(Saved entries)
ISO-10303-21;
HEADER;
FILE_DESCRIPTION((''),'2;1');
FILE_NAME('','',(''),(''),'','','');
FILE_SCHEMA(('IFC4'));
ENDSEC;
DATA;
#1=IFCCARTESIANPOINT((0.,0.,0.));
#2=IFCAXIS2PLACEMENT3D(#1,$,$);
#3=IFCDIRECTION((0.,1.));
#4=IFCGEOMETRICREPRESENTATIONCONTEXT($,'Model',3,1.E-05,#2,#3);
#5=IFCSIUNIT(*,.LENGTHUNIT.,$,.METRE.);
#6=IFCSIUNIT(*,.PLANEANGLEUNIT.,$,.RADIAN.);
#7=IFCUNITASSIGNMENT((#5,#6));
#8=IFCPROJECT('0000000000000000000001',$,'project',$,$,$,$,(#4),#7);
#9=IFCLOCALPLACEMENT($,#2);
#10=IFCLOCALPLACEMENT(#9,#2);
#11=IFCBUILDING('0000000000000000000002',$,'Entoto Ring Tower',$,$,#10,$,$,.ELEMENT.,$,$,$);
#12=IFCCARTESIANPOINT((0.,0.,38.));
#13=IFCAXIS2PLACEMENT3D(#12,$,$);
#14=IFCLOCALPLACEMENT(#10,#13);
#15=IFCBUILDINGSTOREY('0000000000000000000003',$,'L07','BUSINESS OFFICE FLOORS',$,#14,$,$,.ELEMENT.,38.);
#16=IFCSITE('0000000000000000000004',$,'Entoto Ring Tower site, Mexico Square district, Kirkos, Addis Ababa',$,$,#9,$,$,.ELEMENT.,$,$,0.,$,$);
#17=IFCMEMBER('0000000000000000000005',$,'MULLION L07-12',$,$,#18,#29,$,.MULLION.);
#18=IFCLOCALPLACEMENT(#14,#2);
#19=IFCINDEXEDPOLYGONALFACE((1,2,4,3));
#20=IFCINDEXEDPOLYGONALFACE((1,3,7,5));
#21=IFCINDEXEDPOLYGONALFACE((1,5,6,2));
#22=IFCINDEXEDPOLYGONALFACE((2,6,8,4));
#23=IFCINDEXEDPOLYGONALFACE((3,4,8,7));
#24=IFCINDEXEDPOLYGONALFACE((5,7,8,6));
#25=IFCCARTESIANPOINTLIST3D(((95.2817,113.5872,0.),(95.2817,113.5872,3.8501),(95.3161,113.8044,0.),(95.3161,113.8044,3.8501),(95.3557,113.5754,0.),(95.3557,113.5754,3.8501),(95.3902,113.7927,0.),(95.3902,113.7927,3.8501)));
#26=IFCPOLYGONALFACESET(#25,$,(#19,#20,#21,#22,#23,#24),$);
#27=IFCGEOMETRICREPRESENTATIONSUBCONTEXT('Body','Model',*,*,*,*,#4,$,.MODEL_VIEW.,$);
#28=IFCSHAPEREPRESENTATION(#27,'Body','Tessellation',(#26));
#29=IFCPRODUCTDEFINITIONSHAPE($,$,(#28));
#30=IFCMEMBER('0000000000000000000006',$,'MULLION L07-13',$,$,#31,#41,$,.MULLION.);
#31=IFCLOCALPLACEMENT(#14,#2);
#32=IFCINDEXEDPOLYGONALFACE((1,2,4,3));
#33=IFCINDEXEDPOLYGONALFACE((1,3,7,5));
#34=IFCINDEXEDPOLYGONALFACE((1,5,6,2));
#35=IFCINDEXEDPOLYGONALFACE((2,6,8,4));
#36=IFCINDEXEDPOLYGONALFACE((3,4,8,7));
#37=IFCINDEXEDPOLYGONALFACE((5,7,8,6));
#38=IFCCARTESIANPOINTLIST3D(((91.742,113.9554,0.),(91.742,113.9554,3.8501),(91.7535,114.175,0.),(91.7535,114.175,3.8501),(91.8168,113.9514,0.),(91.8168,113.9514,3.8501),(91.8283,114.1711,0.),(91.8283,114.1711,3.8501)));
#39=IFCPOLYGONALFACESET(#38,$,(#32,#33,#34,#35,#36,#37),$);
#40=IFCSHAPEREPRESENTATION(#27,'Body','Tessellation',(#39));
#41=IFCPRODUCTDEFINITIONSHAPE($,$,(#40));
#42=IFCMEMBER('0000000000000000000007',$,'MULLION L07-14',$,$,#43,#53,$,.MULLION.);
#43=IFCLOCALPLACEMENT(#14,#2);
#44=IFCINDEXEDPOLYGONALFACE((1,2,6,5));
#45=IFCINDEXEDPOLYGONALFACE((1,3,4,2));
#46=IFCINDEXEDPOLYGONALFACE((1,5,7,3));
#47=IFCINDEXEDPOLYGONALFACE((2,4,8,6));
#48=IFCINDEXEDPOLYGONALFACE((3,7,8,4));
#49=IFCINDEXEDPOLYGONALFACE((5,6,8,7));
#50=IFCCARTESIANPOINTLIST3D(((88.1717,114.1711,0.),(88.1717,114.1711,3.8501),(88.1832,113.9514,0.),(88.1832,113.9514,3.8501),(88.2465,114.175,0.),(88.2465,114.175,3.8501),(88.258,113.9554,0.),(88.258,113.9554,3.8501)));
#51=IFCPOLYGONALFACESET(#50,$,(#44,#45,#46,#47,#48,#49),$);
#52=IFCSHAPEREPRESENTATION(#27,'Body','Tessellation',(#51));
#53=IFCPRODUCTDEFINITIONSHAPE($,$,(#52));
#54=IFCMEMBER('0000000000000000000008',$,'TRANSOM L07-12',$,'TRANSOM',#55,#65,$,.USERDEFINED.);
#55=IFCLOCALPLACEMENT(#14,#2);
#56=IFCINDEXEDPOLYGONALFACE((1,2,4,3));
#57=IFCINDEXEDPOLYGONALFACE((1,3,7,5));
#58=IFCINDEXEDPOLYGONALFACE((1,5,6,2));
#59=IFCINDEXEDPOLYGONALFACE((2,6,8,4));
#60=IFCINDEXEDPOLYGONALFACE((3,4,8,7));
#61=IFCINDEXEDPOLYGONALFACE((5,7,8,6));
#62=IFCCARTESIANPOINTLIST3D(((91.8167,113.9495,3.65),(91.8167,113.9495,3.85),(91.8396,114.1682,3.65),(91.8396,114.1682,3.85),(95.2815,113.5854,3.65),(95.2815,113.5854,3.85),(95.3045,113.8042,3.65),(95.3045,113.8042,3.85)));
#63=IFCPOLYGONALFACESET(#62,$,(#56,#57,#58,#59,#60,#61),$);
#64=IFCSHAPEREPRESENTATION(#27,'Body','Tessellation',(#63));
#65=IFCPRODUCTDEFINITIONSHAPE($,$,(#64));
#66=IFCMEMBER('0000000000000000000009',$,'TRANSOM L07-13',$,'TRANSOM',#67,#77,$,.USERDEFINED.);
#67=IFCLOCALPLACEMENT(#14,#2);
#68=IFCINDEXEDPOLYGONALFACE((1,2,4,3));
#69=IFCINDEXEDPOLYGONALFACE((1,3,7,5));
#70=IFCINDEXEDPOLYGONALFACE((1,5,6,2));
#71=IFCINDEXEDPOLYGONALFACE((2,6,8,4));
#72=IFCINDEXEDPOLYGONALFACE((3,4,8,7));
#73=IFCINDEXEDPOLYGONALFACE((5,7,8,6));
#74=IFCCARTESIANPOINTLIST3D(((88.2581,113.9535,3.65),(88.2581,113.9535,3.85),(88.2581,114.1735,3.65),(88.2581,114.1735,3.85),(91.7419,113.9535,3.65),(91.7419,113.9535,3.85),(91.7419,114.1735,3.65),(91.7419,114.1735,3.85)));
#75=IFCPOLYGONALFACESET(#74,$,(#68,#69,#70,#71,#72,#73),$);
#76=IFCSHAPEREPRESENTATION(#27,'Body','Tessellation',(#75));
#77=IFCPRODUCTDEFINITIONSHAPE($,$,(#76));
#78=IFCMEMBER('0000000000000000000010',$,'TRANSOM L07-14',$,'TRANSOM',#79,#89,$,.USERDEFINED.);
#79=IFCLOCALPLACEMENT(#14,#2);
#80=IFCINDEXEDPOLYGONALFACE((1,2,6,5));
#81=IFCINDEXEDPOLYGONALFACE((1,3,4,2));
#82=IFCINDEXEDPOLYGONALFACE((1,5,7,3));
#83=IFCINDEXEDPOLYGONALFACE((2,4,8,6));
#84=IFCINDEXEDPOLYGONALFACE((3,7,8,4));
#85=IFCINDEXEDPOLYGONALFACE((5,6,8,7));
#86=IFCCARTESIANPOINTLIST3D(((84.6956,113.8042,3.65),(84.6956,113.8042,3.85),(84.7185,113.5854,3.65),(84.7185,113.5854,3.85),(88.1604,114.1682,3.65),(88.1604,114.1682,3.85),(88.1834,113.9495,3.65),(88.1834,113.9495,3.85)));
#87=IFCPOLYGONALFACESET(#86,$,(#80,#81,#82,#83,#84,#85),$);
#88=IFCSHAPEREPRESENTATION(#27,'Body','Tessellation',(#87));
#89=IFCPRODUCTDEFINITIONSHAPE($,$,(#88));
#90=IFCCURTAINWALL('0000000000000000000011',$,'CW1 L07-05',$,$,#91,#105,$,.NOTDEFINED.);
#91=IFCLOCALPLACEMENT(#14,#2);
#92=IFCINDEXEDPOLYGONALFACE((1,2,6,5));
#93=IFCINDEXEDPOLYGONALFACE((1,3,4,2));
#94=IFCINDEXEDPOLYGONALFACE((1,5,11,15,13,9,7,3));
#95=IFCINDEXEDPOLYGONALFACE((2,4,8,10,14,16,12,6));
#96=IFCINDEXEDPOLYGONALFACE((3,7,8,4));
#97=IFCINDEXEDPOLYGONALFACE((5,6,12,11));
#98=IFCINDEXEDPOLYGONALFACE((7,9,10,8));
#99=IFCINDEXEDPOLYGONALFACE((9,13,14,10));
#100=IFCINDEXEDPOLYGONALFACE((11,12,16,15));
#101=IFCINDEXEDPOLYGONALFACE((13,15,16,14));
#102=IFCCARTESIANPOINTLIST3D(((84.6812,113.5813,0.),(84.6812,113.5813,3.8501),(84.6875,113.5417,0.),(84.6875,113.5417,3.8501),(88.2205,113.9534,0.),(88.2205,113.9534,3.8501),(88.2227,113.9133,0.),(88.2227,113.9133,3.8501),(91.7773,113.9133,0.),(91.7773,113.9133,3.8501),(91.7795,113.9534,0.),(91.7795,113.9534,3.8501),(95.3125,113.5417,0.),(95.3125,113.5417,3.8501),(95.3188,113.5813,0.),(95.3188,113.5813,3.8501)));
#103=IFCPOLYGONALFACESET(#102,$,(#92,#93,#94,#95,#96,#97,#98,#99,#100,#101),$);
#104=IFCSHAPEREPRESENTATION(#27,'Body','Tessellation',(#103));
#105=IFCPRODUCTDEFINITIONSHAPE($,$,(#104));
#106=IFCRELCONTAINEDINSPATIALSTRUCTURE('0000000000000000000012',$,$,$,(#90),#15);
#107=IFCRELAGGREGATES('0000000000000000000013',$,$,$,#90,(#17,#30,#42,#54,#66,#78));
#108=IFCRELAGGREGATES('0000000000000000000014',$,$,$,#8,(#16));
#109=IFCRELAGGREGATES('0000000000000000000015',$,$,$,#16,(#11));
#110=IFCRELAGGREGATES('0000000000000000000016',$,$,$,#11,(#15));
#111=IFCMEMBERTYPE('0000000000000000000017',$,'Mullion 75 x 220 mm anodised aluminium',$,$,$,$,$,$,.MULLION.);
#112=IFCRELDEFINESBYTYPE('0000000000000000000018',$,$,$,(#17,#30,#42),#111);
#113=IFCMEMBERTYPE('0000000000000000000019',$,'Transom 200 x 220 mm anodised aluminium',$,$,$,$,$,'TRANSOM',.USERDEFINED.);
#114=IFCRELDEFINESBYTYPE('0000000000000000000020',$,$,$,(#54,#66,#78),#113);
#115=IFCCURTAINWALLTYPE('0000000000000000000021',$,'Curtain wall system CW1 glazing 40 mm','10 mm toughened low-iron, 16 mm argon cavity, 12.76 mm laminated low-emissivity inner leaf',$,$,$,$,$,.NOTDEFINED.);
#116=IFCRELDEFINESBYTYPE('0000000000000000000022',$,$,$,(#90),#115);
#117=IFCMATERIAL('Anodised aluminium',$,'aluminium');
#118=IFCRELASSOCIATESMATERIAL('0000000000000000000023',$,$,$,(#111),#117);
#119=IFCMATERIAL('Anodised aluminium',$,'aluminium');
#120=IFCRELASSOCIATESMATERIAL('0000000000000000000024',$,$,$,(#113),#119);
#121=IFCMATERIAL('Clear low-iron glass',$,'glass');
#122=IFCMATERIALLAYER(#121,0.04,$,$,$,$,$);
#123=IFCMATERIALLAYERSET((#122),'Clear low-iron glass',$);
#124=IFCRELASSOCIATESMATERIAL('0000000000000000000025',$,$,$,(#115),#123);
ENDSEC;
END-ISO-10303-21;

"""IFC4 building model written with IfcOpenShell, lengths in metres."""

from ifc_helpers import new_model, si_unit, direction, frame, origin, origin_2d, place, context, subcontext, project, spatial, polyline, rectangle, outline, extrude, material, layer, layer_set, material_profile, profile_set, type_object, element, aggregate, save


model = new_model("IFC4")

# Units and contexts
model_context = context("Model", 3, precision=1e-05, world=origin(), true_north=direction((0.0, 1.0)))
body_context = subcontext(model_context, "Body", "Model", "MODEL_VIEW")
ifc_project = project(units=[si_unit("LENGTHUNIT", "METRE"), si_unit("PLANEANGLEUNIT", "RADIAN")], contexts=[model_context])

# Members
ifc_material_1 = material(Name="Anodised aluminium", Category="aluminium")
ifc_material_profile_1 = material_profile(ifc_material_1, rectangle(XDim=0.075, YDim=0.22, at=origin_2d()), Name="Mullion 75 x 220 mm anodised aluminium")
ifc_profile_set_1 = profile_set([ifc_material_profile_1], Name="Anodised aluminium")
member_type_1 = type_object("IfcMemberType", Name="Mullion 75 x 220 mm anodised aluminium", PredefinedType="MULLION", material=ifc_profile_set_1)
site_placement = place(None, origin())
building_placement = place(site_placement, origin())
storey_placement = place(building_placement, frame((0.0, 0.0, 38.0)))
member_1_placement = place(storey_placement, frame((95.3359, 113.6899, 0.0), z_axis=(0.0, 0.0, 1.0), x_axis=(-0.987688, 0.156434, 0.0)))
member_1 = element("IfcMember", 1, at=member_1_placement, type_object=member_type_1, Name="MULLION L07-12", PredefinedType="MULLION", context=body_context, shape_type="SweptSolid", body=[
    extrude(rectangle(XDim=0.075, YDim=0.22, at=origin_2d()), origin(), (0.0, 0.0, 1.0), 3.8501),
])
member_2_placement = place(storey_placement, frame((91.7852, 114.0632, 0.0), z_axis=(0.0, 0.0, 1.0), x_axis=(-0.99863, 0.052336, 0.0)))
member_2 = element("IfcMember", 2, at=member_2_placement, type_object=member_type_1, Name="MULLION L07-13", PredefinedType="MULLION", context=body_context, shape_type="SweptSolid", body=[
    extrude(rectangle(XDim=0.075, YDim=0.22, at=origin_2d()), origin(), (0.0, 0.0, 1.0), 3.8501),
])
member_3_placement = place(storey_placement, frame((88.2148, 114.0632, 0.0), z_axis=(0.0, 0.0, 1.0), x_axis=(-0.99863, -0.052336, 0.0)))
member_3 = element("IfcMember", 3, at=member_3_placement, type_object=member_type_1, Name="MULLION L07-14", PredefinedType="MULLION", context=body_context, shape_type="SweptSolid", body=[
    extrude(rectangle(XDim=0.075, YDim=0.22, at=origin_2d()), origin(), (0.0, 0.0, 1.0), 3.8501),
])
ifc_material_2 = material(Name="Anodised aluminium", Category="aluminium")
ifc_material_profile_2 = material_profile(ifc_material_2, rectangle(XDim=0.22, YDim=0.2, at=origin_2d()), Name="Transom 200 x 220 mm anodised aluminium")
ifc_profile_set_2 = profile_set([ifc_material_profile_2], Name="Anodised aluminium")
member_type_2 = type_object("IfcMemberType", Name="Transom 200 x 220 mm anodised aluminium", ElementType="TRANSOM", PredefinedType="USERDEFINED", material=ifc_profile_set_2)
member_4_placement = place(storey_placement, frame((95.293, 113.6948, 3.75), z_axis=(-0.994527, 0.104484, 0.0), x_axis=(-0.104484, -0.994527, 0.0)))
member_4 = element("IfcMember", 4, at=member_4_placement, type_object=member_type_2, Name="TRANSOM L07-12", ObjectType="TRANSOM", PredefinedType="USERDEFINED", context=body_context, shape_type="SweptSolid", body=[
    extrude(rectangle(XDim=0.22, YDim=0.2, at=origin_2d()), origin(), (0.0, 0.0, 1.0), 3.4839),
])
member_5_placement = place(storey_placement, frame((91.7419, 114.0635, 3.75), z_axis=(-1.0, 0.0, 0.0), x_axis=(0.0, -1.0, 0.0)))
member_5 = element("IfcMember", 5, at=member_5_placement, type_object=member_type_2, Name="TRANSOM L07-13", ObjectType="TRANSOM", PredefinedType="USERDEFINED", context=body_context, shape_type="SweptSolid", body=[
    extrude(rectangle(XDim=0.22, YDim=0.2, at=origin_2d()), origin(), (0.0, 0.0, 1.0), 3.4839),
])
member_6_placement = place(storey_placement, frame((88.1719, 114.0588, 3.75), z_axis=(-0.994527, -0.104484, 0.0), x_axis=(0.104484, -0.994527, 0.0)))
member_6 = element("IfcMember", 6, at=member_6_placement, type_object=member_type_2, Name="TRANSOM L07-14", ObjectType="TRANSOM", PredefinedType="USERDEFINED", context=body_context, shape_type="SweptSolid", body=[
    extrude(rectangle(XDim=0.22, YDim=0.2, at=origin_2d()), origin(), (0.0, 0.0, 1.0), 3.4839),
])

▶ Activity
Extract from the records above the lines from the one containing "#69=IFCINDEXEDPOLYGONALFACE((1,3,7,5));" to the one containing "#85=IFCINDEXEDPOLYGONALFACE((5,6,8,7));", both lines included, exactly as they appear and with nothing else.

▶ Finished task
#69=IFCINDEXEDPOLYGONALFACE((1,3,7,5));
#70=IFCINDEXEDPOLYGONALFACE((1,5,6,2));
#71=IFCINDEXEDPOLYGONALFACE((2,6,8,4));
#72=IFCINDEXEDPOLYGONALFACE((3,4,8,7));
#73=IFCINDEXEDPOLYGONALFACE((5,7,8,6));
#74=IFCCARTESIANPOINTLIST3D(((88.2581,113.9535,3.65),(88.2581,113.9535,3.85),(88.2581,114.1735,3.65),(88.2581,114.1735,3.85),(91.7419,113.9535,3.65),(91.7419,113.9535,3.85),(91.7419,114.1735,3.65),(91.7419,114.1735,3.85)));
#75=IFCPOLYGONALFACESET(#74,$,(#68,#69,#70,#71,#72,#73),$);
#76=IFCSHAPEREPRESENTATION(#27,'Body','Tessellation',(#75));
#77=IFCPRODUCTDEFINITIONSHAPE($,$,(#76));
#78=IFCMEMBER('0000000000000000000010',$,'TRANSOM L07-14',$,'TRANSOM',#79,#89,$,.USERDEFINED.);
#79=IFCLOCALPLACEMENT(#14,#2);
#80=IFCINDEXEDPOLYGONALFACE((1,2,6,5));
#81=IFCINDEXEDPOLYGONALFACE((1,3,4,2));
#82=IFCINDEXEDPOLYGONALFACE((1,5,7,3));
#83=IFCINDEXEDPOLYGONALFACE((2,4,8,6));
#84=IFCINDEXEDPOLYGONALFACE((3,7,8,4));
#85=IFCINDEXEDPOLYGONALFACE((5,6,8,7));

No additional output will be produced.